For the data below, give again exactly the lines from the one containing "#178=IFCINDEXEDPOLYGONALFACE((24,26,62,60));" through the one containing "#188=IFCINDEXEDPOLYGONALFACE((35,36,72,71));", both ends included, and no others.

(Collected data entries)
────────────────────

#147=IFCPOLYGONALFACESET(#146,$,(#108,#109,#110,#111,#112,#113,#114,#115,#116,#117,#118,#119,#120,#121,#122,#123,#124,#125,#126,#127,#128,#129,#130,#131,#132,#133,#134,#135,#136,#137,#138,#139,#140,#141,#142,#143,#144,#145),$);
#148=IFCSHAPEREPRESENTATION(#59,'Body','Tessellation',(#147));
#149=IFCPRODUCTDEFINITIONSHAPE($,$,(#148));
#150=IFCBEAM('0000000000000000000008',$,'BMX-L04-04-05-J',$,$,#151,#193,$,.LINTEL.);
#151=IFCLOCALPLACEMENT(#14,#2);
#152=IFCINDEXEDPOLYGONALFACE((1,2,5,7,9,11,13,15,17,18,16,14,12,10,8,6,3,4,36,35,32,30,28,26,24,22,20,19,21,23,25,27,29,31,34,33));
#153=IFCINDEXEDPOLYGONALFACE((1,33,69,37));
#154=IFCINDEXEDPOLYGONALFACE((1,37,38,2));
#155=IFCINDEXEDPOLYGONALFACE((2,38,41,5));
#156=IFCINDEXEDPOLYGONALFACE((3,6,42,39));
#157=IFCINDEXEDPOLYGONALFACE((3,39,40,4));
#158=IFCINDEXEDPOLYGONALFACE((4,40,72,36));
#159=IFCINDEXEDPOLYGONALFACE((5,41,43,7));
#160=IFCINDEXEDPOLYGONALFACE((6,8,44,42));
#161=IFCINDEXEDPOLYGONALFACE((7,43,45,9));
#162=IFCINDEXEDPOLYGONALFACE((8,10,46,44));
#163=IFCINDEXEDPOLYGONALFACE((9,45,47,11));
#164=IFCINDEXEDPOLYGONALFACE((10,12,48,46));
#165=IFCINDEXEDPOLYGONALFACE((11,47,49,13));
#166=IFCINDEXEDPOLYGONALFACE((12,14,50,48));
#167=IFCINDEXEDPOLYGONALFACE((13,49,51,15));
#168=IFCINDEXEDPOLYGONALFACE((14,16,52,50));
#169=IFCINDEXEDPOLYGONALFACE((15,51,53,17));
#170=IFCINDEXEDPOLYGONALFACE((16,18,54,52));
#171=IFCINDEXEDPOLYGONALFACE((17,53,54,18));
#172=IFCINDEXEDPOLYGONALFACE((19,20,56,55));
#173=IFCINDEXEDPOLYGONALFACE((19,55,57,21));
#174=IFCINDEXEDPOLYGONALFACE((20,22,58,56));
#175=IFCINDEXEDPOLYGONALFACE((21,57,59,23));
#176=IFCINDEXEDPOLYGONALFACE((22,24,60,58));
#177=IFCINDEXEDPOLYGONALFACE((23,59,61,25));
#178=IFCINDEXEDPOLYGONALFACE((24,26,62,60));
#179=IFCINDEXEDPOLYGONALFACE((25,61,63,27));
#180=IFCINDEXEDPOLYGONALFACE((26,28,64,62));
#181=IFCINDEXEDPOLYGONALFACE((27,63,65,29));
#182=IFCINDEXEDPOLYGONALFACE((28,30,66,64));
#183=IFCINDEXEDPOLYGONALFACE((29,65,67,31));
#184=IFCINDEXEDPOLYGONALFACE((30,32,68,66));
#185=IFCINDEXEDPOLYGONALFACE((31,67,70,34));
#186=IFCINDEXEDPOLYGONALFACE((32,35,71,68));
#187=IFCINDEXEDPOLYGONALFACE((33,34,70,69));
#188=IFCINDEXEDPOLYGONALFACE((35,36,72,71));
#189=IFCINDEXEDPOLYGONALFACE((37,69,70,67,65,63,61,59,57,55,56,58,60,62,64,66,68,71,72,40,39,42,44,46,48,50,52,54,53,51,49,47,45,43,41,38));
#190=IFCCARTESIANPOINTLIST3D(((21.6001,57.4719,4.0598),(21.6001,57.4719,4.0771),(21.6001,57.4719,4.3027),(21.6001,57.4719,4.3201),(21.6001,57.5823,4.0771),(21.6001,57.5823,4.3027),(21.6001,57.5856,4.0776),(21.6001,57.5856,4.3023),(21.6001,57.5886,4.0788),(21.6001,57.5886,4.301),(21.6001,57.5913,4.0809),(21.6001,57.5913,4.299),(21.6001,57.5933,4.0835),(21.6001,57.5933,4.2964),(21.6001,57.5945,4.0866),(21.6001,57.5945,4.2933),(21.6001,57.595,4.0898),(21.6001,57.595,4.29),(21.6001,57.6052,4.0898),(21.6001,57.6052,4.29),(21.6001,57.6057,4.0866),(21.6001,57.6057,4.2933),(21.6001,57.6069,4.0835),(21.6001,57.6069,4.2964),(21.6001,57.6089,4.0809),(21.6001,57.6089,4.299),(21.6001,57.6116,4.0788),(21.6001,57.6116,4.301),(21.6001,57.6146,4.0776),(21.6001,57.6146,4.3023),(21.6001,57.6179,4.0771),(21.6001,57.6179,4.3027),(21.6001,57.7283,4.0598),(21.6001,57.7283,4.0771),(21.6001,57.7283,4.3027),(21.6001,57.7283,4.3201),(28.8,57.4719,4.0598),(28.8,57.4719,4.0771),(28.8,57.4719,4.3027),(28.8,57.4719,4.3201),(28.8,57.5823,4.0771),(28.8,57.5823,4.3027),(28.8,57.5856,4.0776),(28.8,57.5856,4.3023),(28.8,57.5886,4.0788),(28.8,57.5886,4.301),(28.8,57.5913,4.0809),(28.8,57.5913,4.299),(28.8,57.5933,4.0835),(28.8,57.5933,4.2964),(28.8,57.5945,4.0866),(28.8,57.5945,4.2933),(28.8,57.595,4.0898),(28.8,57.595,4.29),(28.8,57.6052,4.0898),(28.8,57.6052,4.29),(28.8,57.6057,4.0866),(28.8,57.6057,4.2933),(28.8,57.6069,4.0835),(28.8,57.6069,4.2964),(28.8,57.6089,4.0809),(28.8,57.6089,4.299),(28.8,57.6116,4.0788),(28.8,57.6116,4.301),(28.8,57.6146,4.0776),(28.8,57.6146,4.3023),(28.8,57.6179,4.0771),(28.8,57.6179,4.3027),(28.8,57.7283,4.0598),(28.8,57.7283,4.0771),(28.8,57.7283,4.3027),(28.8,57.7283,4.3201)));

────────────────────

● REPLY TO THE TASK:
#178=IFCINDEXEDPOLYGONALFACE((24,26,62,60));
#179=IFCINDEXEDPOLYGONALFACE((25,61,63,27));
#180=IFCINDEXEDPOLYGONALFACE((26,28,64,62));
#181=IFCINDEXEDPOLYGONALFACE((27,63,65,29));
#182=IFCINDEXEDPOLYGONALFACE((28,30,66,64));
#183=IFCINDEXEDPOLYGONALFACE((29,65,67,31));
#184=IFCINDEXEDPOLYGONALFACE((30,32,68,66));
#185=IFCINDEXEDPOLYGONALFACE((31,67,70,34));
#186=IFCINDEXEDPOLYGONALFACE((32,35,71,68));
#187=IFCINDEXEDPOLYGONALFACE((33,34,70,69));
#188=IFCINDEXEDPOLYGONALFACE((35,36,72,71));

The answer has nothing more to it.